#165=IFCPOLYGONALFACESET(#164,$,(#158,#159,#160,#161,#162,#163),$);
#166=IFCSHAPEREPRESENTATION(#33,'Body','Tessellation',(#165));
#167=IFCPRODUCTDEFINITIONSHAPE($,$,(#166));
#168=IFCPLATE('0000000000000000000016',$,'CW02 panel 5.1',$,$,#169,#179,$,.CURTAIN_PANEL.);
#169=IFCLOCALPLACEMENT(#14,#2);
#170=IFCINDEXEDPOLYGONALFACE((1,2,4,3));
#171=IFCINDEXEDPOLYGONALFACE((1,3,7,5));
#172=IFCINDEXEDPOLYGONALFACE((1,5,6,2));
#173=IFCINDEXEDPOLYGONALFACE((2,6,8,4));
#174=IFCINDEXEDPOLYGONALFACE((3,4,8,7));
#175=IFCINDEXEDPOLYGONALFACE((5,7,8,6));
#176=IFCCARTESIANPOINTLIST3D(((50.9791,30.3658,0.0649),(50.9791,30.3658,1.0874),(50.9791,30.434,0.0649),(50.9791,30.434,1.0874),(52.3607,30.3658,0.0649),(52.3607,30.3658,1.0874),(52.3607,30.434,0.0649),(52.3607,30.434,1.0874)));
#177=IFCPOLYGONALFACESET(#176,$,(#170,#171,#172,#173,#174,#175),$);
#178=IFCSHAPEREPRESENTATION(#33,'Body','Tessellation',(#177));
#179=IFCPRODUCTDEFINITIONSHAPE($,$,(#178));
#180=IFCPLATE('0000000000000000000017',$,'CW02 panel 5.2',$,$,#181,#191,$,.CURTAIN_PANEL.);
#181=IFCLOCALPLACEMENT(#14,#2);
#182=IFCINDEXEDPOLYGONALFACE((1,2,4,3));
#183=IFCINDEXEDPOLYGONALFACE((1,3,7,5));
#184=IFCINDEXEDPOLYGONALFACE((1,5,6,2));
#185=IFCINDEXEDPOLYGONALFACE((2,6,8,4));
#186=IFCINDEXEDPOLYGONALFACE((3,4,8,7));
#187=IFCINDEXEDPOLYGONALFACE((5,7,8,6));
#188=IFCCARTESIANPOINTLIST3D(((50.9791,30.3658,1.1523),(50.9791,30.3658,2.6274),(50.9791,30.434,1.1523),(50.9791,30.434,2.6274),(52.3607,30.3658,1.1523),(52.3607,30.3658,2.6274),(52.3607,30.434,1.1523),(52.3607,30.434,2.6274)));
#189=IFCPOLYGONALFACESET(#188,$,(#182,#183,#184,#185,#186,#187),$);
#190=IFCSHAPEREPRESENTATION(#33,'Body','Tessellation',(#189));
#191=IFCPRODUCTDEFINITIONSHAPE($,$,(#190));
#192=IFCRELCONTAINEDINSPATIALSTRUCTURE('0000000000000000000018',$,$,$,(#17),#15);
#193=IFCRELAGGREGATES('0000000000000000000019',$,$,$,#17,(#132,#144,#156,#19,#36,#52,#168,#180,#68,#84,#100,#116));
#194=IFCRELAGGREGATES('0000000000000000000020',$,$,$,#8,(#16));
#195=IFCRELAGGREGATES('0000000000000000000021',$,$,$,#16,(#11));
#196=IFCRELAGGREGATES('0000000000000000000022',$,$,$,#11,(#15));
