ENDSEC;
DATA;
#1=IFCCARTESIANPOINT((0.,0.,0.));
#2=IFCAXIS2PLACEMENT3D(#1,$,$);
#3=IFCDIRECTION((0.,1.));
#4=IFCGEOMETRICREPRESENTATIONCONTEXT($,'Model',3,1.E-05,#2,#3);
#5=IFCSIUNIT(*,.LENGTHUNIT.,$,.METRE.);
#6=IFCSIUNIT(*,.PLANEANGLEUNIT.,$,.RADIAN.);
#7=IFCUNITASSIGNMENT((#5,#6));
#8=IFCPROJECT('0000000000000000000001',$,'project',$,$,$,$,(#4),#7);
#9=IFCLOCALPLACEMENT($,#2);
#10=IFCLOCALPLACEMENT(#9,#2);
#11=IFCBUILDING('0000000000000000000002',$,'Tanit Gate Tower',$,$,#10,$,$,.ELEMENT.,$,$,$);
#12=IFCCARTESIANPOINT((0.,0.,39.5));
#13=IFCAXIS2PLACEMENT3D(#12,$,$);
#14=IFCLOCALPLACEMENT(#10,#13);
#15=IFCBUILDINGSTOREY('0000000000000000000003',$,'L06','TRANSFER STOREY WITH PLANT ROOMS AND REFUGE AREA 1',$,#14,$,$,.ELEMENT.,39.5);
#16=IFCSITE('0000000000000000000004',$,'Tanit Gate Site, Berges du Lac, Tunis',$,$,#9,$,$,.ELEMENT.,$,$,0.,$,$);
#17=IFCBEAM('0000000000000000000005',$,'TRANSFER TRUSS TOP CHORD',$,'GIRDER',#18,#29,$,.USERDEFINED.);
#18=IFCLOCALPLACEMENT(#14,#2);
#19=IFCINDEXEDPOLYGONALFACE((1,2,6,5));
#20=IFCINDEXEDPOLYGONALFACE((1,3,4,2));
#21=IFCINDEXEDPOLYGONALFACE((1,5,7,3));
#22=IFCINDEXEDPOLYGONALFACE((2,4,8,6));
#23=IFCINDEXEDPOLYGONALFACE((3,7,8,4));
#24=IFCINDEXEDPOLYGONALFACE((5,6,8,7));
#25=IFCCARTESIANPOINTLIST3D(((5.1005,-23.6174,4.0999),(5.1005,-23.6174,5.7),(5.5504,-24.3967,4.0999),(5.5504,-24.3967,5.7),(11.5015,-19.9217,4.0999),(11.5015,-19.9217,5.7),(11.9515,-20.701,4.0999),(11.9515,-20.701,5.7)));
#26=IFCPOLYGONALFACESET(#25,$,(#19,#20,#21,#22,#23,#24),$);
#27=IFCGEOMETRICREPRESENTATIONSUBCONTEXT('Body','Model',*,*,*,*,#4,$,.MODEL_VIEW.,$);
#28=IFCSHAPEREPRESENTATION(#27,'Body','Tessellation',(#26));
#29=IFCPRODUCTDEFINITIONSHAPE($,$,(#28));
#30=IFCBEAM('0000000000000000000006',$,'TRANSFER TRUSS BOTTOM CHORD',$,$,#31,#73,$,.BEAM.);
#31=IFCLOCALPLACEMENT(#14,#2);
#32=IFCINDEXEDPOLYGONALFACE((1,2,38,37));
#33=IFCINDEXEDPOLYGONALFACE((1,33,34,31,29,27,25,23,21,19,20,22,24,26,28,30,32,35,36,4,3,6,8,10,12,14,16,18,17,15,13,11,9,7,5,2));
-*-*-
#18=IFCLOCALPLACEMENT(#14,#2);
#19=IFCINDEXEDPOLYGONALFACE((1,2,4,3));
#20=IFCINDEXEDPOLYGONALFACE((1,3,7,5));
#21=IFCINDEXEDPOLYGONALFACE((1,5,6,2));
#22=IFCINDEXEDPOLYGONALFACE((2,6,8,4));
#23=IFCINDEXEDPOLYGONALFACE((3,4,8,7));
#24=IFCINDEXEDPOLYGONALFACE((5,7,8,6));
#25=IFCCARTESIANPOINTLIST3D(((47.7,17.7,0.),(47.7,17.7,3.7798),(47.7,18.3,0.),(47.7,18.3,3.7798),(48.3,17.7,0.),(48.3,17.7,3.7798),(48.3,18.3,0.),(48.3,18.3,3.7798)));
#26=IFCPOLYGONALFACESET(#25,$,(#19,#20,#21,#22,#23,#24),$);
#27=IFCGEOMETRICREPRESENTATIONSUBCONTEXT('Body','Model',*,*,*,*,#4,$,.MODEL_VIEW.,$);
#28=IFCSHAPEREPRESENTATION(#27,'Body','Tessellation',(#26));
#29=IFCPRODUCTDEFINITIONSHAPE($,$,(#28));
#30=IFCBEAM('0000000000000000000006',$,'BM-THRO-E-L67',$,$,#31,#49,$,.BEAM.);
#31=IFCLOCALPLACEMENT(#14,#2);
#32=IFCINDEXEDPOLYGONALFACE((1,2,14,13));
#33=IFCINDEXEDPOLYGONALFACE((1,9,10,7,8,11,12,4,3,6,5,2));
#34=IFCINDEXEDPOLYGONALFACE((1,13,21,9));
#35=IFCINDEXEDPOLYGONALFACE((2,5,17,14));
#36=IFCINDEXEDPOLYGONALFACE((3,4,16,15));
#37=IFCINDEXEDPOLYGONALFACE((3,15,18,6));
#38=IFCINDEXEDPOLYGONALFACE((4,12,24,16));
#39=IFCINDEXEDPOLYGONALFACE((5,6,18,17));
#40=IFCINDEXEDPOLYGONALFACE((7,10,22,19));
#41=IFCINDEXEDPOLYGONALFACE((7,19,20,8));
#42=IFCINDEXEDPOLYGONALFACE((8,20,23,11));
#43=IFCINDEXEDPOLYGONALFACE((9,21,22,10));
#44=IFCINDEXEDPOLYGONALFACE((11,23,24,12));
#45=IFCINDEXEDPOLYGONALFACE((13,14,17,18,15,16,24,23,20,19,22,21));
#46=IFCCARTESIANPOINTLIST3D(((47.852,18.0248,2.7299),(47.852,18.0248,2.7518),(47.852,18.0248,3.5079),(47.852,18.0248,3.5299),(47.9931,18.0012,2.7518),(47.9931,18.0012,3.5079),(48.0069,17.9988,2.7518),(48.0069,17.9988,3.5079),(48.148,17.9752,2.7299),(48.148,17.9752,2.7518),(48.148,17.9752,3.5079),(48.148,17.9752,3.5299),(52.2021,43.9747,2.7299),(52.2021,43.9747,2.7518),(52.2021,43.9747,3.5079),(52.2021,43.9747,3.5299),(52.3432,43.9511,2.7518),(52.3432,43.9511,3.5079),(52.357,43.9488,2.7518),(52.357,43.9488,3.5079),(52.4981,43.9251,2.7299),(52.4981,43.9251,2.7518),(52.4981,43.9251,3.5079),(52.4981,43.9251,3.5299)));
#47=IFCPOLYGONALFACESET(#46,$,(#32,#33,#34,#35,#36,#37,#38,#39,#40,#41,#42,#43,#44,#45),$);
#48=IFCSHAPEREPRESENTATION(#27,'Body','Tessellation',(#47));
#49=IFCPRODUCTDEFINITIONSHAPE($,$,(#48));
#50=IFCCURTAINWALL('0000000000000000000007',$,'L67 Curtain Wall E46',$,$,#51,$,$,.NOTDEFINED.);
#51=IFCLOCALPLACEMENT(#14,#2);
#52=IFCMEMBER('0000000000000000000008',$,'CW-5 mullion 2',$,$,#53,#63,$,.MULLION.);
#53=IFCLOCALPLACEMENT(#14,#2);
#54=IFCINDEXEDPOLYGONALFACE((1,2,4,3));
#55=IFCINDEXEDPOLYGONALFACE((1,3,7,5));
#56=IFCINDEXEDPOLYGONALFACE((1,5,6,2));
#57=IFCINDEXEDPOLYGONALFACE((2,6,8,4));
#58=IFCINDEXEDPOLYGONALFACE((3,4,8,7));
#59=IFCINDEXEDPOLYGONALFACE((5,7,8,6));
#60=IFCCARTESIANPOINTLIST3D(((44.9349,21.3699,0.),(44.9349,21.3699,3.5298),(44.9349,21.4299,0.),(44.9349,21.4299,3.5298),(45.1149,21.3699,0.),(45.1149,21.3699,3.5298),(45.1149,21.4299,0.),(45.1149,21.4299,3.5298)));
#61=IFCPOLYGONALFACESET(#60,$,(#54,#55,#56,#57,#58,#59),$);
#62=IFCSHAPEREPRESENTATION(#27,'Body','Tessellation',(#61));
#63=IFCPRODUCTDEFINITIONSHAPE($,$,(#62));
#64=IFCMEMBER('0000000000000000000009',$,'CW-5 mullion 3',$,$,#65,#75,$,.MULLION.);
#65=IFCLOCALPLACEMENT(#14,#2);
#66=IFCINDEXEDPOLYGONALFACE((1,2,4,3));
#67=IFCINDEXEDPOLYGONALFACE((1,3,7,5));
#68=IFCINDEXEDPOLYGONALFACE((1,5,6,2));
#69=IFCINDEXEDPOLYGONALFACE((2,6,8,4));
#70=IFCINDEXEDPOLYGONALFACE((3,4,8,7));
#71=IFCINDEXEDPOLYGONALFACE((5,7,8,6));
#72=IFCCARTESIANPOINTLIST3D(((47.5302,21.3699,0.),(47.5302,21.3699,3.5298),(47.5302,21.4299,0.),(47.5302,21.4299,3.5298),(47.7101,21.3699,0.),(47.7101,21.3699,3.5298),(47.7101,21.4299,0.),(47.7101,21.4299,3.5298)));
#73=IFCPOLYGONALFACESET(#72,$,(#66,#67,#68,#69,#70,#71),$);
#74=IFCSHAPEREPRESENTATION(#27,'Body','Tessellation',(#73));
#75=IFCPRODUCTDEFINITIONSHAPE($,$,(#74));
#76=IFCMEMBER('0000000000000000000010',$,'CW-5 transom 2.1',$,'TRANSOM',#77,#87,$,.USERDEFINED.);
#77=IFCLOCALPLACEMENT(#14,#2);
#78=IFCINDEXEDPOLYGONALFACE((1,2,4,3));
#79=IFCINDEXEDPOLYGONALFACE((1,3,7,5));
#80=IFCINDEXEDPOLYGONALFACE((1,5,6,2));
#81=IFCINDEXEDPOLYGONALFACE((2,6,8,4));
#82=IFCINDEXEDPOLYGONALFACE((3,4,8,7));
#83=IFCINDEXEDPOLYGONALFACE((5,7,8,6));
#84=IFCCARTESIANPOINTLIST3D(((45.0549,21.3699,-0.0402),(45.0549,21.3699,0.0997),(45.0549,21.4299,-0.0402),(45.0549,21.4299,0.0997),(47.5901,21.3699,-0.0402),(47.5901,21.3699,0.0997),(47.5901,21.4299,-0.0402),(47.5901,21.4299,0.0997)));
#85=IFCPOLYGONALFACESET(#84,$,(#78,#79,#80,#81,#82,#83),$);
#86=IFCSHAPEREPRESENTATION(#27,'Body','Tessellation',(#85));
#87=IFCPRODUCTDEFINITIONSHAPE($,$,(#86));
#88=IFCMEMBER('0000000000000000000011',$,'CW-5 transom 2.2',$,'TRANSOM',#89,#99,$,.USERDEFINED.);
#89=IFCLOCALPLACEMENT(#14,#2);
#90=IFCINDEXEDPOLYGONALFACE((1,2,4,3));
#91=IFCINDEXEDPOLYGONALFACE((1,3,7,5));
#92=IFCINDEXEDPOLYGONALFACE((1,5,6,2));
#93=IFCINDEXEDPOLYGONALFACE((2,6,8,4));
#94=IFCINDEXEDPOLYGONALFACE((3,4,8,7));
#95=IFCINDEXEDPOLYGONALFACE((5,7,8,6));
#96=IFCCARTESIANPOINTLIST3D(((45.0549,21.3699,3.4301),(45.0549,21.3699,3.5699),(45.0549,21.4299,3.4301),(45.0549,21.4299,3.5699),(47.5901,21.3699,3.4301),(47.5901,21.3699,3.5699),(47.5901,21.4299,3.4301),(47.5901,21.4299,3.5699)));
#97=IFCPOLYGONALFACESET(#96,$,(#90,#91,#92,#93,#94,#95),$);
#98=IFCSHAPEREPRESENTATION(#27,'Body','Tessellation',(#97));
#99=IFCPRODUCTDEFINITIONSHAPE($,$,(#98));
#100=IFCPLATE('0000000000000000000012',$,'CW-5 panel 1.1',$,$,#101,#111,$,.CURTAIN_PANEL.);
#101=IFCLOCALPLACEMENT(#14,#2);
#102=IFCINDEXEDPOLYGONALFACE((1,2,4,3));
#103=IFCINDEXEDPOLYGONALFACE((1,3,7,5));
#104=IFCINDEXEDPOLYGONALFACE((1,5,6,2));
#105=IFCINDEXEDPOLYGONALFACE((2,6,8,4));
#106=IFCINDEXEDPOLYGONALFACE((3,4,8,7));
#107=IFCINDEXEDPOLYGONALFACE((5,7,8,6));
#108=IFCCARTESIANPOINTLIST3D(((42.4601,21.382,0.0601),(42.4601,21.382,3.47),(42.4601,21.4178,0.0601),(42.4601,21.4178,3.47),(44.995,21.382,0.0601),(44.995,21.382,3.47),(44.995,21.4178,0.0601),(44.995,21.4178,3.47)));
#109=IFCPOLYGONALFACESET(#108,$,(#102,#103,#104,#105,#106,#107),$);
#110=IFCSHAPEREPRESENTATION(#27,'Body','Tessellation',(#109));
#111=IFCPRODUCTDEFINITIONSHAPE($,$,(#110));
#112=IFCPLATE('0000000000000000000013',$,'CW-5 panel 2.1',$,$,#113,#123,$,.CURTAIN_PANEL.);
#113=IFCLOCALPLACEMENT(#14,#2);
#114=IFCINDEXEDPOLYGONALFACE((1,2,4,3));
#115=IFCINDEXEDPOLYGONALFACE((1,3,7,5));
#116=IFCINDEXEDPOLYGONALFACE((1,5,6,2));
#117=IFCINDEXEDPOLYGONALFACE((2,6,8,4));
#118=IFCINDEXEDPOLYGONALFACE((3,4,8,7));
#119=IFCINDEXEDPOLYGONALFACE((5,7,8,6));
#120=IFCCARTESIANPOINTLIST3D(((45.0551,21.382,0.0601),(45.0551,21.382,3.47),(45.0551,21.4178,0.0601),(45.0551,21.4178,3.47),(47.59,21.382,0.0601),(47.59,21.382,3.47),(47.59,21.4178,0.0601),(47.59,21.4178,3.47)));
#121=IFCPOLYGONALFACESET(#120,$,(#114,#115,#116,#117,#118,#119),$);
-*-*-
Problem description: Please list every line of the records that contains "USERDEFINED".

Response to this task:
#17=IFCBEAM('0000000000000000000005',$,'TRANSFER TRUSS TOP CHORD',$,'GIRDER',#18,#29,$,.USERDEFINED.);
#76=IFCMEMBER('0000000000000000000010',$,'CW-5 transom 2.1',$,'TRANSOM',#77,#87,$,.USERDEFINED.);
#88=IFCMEMBER('0000000000000000000011',$,'CW-5 transom 2.2',$,'TRANSOM',#89,#99,$,.USERDEFINED.);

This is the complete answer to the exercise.